→ Assignment:
Print exactly the lines below between the line holding "for kind, things" and the line holding "for by, libraries", inclusive, and nothing more.

[Collected data]
━━━━━━━━
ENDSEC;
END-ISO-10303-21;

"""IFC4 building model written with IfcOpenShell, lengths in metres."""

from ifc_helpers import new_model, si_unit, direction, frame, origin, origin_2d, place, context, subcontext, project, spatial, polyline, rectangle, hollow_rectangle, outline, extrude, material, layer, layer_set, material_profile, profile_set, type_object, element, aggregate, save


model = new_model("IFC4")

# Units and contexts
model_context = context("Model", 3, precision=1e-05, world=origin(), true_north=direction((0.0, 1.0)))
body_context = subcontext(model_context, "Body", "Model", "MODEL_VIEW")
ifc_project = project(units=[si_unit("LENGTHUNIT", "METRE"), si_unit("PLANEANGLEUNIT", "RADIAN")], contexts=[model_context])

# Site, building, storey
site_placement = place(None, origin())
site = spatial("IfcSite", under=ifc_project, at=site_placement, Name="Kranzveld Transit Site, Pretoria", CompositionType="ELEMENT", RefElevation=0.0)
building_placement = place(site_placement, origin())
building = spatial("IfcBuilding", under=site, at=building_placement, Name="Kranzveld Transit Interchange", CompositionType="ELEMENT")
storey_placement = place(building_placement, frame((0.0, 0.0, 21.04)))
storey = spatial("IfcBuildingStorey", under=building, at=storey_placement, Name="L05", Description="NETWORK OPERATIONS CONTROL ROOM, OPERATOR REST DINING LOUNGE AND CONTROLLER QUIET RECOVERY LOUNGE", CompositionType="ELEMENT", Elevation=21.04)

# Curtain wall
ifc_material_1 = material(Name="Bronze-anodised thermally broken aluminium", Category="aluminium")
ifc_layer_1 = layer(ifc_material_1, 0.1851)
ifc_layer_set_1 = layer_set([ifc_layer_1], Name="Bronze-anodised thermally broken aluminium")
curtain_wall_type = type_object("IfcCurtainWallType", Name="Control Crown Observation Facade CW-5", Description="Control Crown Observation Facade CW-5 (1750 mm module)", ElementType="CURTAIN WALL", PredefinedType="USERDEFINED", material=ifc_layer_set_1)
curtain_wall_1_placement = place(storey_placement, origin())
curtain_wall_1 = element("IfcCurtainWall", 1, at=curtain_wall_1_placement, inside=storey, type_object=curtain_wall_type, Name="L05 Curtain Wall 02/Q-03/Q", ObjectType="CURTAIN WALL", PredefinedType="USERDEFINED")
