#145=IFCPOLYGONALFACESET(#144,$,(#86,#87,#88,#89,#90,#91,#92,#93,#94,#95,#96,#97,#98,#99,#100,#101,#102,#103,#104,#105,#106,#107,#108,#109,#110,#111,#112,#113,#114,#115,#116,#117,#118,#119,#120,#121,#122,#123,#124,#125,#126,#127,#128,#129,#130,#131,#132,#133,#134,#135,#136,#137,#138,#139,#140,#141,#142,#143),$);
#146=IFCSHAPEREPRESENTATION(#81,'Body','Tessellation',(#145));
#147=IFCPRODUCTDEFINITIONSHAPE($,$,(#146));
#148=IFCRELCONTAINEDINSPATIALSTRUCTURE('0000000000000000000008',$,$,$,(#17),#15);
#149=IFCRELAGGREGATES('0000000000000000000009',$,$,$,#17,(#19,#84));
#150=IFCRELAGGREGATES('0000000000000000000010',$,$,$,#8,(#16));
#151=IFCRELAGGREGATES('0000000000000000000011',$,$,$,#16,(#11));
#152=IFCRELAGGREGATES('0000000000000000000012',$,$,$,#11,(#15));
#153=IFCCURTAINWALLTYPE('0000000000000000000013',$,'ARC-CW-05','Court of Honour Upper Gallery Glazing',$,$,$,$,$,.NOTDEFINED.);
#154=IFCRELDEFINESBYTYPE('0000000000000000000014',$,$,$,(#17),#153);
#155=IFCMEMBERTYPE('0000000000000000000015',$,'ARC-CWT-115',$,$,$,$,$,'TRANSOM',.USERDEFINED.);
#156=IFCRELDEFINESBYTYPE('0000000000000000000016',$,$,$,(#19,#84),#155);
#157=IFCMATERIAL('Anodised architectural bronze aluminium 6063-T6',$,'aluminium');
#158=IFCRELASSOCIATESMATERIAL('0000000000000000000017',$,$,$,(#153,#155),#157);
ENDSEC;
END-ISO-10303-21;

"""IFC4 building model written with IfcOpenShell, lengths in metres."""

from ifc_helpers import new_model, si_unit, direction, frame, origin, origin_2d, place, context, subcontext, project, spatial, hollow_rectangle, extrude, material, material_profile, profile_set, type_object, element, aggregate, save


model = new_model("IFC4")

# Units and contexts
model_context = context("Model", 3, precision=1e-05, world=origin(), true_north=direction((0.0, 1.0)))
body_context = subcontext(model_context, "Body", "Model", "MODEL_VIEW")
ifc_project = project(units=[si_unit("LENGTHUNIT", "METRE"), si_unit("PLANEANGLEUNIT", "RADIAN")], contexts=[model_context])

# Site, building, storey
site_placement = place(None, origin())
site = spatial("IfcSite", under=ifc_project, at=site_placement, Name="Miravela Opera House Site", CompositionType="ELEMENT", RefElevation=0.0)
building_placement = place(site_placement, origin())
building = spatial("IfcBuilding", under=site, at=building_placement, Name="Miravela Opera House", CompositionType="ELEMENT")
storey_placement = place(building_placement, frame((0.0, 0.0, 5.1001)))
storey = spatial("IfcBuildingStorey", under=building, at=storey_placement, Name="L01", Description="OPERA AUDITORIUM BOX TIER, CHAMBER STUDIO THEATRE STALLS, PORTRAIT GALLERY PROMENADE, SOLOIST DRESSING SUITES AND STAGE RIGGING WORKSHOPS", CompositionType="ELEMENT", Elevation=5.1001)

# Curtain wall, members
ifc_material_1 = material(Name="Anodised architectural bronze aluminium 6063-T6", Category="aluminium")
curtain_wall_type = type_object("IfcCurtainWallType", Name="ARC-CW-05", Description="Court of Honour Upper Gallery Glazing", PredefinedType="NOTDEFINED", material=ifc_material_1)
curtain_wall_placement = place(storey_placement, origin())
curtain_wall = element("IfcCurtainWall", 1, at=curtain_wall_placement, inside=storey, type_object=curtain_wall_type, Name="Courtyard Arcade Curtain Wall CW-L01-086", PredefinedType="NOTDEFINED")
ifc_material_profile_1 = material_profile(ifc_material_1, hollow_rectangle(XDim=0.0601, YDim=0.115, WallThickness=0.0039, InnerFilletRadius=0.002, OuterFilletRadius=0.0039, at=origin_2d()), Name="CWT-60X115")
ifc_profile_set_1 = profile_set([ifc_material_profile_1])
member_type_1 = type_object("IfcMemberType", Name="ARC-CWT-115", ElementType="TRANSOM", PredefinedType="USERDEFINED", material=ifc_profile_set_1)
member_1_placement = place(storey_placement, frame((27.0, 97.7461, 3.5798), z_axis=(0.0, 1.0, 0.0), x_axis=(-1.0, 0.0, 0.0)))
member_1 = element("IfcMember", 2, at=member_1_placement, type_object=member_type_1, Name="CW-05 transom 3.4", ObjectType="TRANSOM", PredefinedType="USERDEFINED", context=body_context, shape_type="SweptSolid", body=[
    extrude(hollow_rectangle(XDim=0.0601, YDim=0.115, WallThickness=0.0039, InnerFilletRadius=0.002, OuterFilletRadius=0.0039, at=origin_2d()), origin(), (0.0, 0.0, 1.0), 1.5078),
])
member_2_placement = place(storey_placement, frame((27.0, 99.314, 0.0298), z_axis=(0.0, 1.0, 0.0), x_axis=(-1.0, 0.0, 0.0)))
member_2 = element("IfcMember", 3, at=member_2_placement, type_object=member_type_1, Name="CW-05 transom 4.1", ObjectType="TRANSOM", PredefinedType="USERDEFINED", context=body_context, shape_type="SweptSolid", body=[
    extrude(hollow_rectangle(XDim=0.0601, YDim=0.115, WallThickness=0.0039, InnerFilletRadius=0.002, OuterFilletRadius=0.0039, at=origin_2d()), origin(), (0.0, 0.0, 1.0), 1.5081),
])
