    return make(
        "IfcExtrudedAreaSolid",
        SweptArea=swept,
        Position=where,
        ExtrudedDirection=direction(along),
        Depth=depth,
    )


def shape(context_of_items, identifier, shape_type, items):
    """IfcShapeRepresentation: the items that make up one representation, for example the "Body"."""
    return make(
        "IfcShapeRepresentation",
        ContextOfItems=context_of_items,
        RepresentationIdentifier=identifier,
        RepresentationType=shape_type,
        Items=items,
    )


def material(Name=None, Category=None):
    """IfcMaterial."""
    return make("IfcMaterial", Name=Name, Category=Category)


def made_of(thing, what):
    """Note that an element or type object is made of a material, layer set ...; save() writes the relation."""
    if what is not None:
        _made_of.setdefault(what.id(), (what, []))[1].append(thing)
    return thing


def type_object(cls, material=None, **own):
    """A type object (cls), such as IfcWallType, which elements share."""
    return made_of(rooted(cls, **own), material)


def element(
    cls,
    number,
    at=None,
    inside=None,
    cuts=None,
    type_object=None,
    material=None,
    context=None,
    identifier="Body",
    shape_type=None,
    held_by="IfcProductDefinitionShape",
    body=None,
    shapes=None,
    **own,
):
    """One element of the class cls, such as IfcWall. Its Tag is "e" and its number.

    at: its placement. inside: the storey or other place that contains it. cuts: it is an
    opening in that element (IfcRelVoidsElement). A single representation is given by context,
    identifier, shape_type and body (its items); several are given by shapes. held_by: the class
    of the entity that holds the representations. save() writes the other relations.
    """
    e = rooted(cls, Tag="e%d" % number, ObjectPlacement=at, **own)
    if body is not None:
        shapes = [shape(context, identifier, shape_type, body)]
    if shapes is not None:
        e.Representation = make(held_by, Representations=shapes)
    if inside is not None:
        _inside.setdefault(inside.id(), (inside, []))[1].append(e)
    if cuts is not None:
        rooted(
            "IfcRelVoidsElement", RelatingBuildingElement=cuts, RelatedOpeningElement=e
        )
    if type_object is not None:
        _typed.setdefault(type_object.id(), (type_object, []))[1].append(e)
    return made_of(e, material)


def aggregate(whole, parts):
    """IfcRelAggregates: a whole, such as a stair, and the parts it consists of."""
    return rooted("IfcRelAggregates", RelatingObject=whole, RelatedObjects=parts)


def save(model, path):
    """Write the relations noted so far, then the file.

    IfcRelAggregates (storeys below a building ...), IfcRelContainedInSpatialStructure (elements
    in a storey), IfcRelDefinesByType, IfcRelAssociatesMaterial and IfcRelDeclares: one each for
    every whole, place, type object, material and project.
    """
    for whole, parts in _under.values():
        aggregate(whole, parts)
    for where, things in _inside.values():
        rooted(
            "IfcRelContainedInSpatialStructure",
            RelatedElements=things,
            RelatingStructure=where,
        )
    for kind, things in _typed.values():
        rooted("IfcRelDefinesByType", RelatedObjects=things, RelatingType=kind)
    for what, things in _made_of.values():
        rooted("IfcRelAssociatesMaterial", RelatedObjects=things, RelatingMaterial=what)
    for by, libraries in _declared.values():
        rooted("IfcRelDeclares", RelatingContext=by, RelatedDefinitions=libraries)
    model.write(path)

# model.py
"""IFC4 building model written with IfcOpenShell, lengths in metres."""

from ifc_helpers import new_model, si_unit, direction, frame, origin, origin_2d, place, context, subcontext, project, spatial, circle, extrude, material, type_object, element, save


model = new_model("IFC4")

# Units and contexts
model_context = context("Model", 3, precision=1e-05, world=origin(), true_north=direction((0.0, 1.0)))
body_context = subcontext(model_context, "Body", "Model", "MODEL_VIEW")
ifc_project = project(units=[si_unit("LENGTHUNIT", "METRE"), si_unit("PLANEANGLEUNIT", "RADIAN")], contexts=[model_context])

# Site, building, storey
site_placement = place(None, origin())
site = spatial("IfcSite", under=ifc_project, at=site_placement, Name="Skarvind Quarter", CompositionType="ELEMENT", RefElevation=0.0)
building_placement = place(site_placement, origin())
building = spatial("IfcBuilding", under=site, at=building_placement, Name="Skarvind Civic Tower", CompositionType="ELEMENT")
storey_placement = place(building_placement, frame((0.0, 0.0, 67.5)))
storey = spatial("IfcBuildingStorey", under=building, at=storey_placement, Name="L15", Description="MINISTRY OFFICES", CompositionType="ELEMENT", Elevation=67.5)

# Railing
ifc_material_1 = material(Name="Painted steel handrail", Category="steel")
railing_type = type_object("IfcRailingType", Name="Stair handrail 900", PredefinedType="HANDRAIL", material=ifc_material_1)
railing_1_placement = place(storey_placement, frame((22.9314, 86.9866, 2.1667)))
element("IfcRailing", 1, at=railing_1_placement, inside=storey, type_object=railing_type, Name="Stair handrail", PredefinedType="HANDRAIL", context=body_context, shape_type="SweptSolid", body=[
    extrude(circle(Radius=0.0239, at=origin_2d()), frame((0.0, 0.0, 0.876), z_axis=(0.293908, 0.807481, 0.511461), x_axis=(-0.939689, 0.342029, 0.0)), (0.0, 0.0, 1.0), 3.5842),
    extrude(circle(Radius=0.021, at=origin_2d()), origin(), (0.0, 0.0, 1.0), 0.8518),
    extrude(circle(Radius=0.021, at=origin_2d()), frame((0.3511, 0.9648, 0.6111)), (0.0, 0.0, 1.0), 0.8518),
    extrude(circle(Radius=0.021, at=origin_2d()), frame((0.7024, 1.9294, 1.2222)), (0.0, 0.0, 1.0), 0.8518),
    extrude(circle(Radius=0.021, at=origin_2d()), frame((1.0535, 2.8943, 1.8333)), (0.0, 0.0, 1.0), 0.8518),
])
━━━━━━━━
→ Solution to the exercise:
    for kind, things in _typed.values():
        rooted("IfcRelDefinesByType", RelatedObjects=things, RelatingType=kind)
    for what, things in _made_of.values():
        rooted("IfcRelAssociatesMaterial", RelatedObjects=things, RelatingMaterial=what)
    for by, libraries in _declared.values():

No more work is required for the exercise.